_WORK TO COMPLETE_
Transcribe only the lines of the listing below from the one holding "#59=IFCINDEXEDPOLYGONALFACE((25,29,30,26));" through the one holding "#66=IFCINDEXEDPOLYGONALFACE((39,40,42,41));", inclusive, without any change.

_RECORDS FOR PROCESSING_
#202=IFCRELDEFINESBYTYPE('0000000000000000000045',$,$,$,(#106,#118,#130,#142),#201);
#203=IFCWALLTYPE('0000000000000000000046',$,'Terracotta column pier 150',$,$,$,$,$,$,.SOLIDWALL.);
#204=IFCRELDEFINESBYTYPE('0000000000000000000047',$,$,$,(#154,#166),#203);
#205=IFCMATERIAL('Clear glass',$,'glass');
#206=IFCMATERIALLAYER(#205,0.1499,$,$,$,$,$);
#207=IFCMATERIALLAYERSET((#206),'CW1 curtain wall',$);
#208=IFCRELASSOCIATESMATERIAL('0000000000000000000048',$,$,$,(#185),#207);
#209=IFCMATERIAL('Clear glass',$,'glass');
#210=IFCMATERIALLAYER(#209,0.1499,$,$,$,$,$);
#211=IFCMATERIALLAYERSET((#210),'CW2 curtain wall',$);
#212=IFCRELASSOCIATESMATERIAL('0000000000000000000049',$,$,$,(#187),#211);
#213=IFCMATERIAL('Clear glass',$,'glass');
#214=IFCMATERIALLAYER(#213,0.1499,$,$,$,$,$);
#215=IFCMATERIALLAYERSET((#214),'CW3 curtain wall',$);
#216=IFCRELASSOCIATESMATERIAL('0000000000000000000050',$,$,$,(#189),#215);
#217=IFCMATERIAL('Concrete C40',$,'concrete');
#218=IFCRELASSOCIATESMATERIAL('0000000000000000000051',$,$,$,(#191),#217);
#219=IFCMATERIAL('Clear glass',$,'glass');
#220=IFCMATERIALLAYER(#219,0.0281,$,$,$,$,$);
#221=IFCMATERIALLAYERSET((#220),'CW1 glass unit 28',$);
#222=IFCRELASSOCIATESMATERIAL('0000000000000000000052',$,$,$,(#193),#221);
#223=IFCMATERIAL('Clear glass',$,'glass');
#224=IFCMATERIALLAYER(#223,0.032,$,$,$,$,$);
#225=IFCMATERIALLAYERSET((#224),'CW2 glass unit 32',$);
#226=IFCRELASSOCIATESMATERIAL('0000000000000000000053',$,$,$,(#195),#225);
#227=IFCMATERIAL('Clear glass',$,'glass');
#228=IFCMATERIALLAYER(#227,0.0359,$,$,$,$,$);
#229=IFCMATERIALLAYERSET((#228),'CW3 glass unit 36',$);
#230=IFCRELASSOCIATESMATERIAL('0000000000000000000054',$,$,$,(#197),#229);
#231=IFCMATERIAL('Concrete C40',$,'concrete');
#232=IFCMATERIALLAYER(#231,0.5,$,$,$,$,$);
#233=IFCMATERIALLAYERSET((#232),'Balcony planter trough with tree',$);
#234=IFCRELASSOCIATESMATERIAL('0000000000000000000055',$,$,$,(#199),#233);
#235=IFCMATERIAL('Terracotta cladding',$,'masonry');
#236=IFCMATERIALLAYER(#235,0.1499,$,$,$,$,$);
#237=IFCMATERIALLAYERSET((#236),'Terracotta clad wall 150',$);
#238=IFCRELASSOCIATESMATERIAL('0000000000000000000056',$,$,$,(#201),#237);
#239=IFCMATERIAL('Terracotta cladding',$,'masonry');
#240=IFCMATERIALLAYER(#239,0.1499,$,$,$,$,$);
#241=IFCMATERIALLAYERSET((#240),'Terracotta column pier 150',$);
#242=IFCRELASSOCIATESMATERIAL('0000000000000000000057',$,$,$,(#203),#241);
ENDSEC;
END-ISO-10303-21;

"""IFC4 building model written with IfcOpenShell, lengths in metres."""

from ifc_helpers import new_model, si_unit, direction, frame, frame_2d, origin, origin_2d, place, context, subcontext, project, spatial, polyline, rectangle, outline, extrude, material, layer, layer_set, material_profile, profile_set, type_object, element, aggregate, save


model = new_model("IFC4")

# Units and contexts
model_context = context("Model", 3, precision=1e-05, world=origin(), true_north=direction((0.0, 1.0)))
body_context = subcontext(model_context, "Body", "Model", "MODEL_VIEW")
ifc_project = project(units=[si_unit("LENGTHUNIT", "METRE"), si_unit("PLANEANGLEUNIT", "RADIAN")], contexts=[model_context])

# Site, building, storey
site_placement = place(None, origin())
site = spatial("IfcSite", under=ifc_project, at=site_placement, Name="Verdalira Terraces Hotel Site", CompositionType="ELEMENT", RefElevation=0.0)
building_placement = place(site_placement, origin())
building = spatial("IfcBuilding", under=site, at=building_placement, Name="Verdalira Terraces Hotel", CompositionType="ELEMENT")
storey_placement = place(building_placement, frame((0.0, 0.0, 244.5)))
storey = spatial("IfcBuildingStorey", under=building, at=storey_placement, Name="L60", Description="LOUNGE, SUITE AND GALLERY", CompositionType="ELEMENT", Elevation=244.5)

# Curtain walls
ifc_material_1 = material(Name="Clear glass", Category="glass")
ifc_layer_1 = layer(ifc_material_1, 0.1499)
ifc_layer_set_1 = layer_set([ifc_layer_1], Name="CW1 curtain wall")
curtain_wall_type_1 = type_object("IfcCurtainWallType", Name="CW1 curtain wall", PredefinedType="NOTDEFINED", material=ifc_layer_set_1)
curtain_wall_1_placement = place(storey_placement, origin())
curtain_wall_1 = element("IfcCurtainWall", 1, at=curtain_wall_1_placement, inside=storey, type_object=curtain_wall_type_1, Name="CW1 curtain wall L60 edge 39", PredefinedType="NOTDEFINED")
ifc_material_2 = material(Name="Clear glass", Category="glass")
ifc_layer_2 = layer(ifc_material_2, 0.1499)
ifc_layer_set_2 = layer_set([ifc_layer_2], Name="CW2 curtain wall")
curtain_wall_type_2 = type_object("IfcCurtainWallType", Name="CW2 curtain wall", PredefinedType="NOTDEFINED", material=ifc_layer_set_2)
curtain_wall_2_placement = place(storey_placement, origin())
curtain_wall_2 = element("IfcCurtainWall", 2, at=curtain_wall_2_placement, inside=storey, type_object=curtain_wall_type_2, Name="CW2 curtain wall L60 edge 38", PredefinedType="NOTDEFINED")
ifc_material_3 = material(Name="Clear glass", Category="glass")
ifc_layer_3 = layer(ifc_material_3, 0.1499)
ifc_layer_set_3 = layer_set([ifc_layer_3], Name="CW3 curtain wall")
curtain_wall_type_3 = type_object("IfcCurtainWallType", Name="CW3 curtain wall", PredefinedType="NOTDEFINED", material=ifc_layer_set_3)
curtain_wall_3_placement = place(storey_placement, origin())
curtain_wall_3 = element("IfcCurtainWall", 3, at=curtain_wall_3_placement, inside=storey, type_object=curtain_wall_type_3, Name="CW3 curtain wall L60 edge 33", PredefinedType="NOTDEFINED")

==

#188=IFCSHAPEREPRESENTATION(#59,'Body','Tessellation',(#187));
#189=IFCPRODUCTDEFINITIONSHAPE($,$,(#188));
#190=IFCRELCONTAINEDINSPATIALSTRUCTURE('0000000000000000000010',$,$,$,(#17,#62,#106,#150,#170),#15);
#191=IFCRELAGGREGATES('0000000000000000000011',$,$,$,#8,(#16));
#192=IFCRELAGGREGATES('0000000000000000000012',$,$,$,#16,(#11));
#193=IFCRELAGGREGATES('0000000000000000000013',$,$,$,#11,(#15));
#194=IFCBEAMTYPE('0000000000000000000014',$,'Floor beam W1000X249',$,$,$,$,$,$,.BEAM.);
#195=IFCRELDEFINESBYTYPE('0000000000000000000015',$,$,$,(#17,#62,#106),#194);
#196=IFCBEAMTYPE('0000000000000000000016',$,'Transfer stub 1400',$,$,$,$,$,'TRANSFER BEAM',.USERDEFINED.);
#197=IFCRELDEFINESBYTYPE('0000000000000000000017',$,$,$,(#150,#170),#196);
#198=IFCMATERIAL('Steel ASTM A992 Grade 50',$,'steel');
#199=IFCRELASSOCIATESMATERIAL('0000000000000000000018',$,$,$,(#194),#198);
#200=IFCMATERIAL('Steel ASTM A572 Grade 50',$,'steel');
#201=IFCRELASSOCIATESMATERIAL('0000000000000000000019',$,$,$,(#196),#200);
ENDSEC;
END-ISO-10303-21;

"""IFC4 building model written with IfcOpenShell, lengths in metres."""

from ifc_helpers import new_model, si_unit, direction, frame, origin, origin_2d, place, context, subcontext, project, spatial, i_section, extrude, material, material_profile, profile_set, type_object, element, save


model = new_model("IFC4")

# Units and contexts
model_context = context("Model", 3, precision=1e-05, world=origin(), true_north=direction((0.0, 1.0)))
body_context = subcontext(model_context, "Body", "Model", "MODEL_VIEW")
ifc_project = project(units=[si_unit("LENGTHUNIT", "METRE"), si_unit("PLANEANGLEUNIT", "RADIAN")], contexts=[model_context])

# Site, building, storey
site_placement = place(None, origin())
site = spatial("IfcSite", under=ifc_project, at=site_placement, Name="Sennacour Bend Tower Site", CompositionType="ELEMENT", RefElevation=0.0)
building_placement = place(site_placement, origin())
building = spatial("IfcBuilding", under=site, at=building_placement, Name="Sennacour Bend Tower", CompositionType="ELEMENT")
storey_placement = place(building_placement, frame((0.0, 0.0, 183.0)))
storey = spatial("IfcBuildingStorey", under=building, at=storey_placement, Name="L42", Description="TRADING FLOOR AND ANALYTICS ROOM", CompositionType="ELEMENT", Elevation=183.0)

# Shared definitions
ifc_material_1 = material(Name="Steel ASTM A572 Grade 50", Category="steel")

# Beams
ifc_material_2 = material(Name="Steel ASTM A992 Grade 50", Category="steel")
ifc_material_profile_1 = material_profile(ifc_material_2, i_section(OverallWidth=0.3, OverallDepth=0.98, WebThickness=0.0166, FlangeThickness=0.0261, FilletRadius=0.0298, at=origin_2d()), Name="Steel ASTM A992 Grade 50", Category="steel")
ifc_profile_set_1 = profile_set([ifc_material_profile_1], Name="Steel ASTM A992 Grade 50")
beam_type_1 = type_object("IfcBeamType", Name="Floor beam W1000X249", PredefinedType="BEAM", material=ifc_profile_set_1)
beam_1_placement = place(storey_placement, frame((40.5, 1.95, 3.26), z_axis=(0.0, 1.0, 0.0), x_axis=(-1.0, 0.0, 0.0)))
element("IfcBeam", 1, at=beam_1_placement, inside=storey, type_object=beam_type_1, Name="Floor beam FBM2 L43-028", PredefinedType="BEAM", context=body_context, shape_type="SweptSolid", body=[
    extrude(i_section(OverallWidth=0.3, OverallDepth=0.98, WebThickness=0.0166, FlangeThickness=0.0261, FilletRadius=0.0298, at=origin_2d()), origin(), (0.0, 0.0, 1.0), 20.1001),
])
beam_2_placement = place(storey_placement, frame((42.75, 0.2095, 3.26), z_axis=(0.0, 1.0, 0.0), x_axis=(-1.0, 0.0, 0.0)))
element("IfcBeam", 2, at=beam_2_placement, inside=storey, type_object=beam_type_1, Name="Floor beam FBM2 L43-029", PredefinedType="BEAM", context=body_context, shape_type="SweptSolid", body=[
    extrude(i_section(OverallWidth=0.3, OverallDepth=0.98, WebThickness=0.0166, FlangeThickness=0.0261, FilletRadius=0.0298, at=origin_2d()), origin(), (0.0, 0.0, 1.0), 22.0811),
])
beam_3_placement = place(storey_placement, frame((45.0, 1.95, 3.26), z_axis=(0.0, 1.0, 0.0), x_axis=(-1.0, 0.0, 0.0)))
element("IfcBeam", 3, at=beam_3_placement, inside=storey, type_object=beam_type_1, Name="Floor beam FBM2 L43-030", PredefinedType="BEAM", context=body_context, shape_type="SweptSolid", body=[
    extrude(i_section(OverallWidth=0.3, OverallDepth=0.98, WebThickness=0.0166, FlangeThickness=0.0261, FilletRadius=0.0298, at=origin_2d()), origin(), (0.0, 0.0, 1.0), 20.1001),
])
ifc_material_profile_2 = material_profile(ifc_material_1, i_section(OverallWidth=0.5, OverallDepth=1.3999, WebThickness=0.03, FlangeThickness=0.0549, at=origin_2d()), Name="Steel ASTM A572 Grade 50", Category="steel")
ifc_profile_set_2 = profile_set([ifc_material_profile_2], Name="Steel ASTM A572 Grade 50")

---

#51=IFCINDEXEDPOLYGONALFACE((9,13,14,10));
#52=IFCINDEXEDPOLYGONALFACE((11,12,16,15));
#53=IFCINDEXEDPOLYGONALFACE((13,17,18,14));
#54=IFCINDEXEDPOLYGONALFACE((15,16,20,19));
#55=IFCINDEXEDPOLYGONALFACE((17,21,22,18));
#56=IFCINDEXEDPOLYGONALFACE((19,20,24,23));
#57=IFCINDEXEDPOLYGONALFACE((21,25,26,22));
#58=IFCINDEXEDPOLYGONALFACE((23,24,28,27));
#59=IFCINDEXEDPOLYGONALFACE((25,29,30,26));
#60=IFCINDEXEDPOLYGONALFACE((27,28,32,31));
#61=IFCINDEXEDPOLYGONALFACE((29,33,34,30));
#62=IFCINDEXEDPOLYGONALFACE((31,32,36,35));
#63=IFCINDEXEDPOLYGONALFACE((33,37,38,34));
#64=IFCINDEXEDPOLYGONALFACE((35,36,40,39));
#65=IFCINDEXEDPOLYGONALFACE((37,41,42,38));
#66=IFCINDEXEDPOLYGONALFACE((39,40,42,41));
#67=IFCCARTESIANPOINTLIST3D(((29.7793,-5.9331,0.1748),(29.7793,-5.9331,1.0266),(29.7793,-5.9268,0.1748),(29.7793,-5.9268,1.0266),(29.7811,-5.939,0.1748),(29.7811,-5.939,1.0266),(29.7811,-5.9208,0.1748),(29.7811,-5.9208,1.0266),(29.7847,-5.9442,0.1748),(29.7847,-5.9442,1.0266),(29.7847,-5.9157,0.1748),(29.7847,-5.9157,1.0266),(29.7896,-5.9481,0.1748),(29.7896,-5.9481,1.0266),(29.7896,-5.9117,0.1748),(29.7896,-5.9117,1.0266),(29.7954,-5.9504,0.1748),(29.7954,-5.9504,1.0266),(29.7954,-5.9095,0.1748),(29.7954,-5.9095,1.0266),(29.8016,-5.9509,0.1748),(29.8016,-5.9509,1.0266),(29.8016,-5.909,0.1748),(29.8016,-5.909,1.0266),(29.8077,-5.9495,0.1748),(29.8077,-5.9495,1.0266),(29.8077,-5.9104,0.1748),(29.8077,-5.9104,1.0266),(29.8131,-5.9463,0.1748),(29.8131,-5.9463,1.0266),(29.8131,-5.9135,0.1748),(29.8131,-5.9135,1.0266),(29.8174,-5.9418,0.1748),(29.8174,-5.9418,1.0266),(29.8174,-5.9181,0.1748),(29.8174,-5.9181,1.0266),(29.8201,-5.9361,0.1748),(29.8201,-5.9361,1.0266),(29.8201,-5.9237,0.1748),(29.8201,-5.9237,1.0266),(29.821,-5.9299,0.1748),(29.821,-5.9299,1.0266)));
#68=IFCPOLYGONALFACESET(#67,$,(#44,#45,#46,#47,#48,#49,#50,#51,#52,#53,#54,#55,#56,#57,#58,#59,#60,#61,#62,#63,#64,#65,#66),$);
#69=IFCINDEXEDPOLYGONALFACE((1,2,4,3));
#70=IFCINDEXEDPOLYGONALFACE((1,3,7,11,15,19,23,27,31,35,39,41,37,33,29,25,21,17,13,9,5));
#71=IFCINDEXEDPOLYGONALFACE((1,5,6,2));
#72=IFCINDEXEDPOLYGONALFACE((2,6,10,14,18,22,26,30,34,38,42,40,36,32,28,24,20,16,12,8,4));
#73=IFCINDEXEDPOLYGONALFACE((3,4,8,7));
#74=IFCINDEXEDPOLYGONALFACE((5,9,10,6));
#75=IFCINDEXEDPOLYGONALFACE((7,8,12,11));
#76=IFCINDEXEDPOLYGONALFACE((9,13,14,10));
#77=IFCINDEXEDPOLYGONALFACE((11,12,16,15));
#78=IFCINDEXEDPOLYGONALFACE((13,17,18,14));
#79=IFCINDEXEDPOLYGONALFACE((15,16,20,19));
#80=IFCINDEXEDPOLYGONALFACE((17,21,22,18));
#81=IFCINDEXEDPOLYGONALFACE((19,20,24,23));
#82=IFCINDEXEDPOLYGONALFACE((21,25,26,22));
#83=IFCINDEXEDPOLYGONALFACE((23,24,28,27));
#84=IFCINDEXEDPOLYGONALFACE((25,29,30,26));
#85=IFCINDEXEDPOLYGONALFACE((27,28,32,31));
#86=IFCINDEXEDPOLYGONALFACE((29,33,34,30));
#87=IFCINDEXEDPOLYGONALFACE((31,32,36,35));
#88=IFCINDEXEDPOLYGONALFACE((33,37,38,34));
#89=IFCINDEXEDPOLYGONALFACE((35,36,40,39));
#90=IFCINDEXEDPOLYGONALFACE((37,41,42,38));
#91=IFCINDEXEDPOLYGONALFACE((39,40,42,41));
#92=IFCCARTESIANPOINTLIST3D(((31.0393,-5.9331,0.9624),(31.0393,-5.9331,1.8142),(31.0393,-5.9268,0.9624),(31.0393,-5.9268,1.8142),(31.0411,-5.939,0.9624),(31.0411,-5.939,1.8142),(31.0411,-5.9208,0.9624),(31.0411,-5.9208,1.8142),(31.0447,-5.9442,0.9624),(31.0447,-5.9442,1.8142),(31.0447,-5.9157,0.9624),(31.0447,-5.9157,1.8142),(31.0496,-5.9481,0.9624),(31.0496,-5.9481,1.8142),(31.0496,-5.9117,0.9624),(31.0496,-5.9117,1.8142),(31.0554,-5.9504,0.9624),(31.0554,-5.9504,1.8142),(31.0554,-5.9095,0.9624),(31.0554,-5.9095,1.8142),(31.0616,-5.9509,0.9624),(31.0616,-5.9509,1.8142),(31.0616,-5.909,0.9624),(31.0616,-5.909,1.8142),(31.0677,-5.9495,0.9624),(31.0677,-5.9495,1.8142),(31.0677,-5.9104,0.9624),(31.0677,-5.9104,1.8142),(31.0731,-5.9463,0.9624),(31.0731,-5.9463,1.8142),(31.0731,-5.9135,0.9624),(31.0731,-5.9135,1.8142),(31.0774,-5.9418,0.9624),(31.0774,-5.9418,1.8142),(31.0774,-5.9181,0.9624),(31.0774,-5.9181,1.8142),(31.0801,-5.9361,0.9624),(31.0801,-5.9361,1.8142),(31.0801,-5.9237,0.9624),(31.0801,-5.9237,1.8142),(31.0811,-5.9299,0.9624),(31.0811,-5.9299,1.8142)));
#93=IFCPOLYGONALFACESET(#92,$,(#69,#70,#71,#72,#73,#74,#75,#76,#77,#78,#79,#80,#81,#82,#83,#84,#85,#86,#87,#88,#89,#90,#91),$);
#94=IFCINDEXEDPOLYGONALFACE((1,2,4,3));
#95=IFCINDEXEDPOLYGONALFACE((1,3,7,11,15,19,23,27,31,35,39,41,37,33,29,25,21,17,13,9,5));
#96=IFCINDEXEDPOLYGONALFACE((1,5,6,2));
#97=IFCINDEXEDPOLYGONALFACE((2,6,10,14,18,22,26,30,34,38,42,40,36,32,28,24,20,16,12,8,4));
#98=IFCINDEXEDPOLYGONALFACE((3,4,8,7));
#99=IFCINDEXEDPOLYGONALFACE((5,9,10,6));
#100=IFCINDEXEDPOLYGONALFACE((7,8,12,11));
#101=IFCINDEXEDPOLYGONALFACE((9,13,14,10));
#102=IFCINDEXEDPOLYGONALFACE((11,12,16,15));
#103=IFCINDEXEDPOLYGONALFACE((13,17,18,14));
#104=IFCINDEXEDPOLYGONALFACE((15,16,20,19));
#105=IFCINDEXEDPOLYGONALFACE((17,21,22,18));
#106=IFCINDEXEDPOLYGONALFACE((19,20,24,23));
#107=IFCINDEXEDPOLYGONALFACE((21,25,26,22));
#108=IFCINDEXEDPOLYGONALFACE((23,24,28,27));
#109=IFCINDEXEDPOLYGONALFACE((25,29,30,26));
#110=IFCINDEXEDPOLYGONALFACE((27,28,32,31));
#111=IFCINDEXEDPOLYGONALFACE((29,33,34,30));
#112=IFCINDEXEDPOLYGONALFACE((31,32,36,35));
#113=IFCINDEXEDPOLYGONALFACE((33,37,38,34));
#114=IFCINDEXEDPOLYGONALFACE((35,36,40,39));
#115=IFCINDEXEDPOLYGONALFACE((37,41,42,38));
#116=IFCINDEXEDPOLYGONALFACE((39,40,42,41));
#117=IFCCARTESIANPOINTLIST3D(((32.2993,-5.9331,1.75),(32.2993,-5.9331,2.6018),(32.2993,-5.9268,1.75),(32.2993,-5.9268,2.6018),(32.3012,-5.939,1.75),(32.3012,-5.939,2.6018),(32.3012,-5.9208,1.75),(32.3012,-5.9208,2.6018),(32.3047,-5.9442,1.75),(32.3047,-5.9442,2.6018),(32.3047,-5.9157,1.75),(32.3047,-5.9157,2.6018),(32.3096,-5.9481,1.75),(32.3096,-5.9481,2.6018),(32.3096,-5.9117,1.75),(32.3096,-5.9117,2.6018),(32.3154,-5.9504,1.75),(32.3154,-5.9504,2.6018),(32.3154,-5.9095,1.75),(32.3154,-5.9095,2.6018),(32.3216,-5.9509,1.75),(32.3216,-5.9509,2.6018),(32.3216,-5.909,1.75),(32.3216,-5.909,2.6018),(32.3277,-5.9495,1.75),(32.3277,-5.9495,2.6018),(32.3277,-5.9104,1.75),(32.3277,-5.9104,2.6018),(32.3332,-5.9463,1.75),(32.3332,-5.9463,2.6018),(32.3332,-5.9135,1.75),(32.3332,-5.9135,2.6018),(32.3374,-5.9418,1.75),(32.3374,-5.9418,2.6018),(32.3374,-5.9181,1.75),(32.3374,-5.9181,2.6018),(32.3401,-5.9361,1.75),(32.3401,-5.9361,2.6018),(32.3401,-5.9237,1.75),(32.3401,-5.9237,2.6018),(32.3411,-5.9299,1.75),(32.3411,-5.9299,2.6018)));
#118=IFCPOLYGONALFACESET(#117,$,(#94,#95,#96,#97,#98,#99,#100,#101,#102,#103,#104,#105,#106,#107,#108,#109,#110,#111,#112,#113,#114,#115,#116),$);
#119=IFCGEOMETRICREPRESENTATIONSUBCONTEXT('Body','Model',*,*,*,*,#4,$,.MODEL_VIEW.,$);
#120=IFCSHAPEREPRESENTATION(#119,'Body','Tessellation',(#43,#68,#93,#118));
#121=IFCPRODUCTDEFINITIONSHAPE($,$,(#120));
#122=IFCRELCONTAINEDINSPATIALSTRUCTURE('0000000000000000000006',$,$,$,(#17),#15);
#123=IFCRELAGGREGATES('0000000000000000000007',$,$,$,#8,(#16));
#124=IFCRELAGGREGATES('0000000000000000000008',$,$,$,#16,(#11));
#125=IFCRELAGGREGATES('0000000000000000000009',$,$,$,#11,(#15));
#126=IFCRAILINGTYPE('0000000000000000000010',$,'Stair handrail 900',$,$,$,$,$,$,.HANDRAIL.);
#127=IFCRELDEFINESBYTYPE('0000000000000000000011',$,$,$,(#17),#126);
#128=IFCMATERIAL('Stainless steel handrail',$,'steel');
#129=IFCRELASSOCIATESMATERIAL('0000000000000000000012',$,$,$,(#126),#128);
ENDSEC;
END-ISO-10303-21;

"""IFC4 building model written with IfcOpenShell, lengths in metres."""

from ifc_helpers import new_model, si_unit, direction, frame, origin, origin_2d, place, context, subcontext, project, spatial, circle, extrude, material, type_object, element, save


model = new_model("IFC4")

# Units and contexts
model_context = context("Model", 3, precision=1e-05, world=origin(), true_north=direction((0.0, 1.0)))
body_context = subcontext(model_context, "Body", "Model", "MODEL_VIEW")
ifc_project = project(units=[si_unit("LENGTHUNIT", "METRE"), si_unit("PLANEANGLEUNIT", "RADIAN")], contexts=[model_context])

_WRITTEN ANSWER_
#59=IFCINDEXEDPOLYGONALFACE((25,29,30,26));
#60=IFCINDEXEDPOLYGONALFACE((27,28,32,31));
#61=IFCINDEXEDPOLYGONALFACE((29,33,34,30));
#62=IFCINDEXEDPOLYGONALFACE((31,32,36,35));
#63=IFCINDEXEDPOLYGONALFACE((33,37,38,34));
#64=IFCINDEXEDPOLYGONALFACE((35,36,40,39));
#65=IFCINDEXEDPOLYGONALFACE((37,41,42,38));
#66=IFCINDEXEDPOLYGONALFACE((39,40,42,41));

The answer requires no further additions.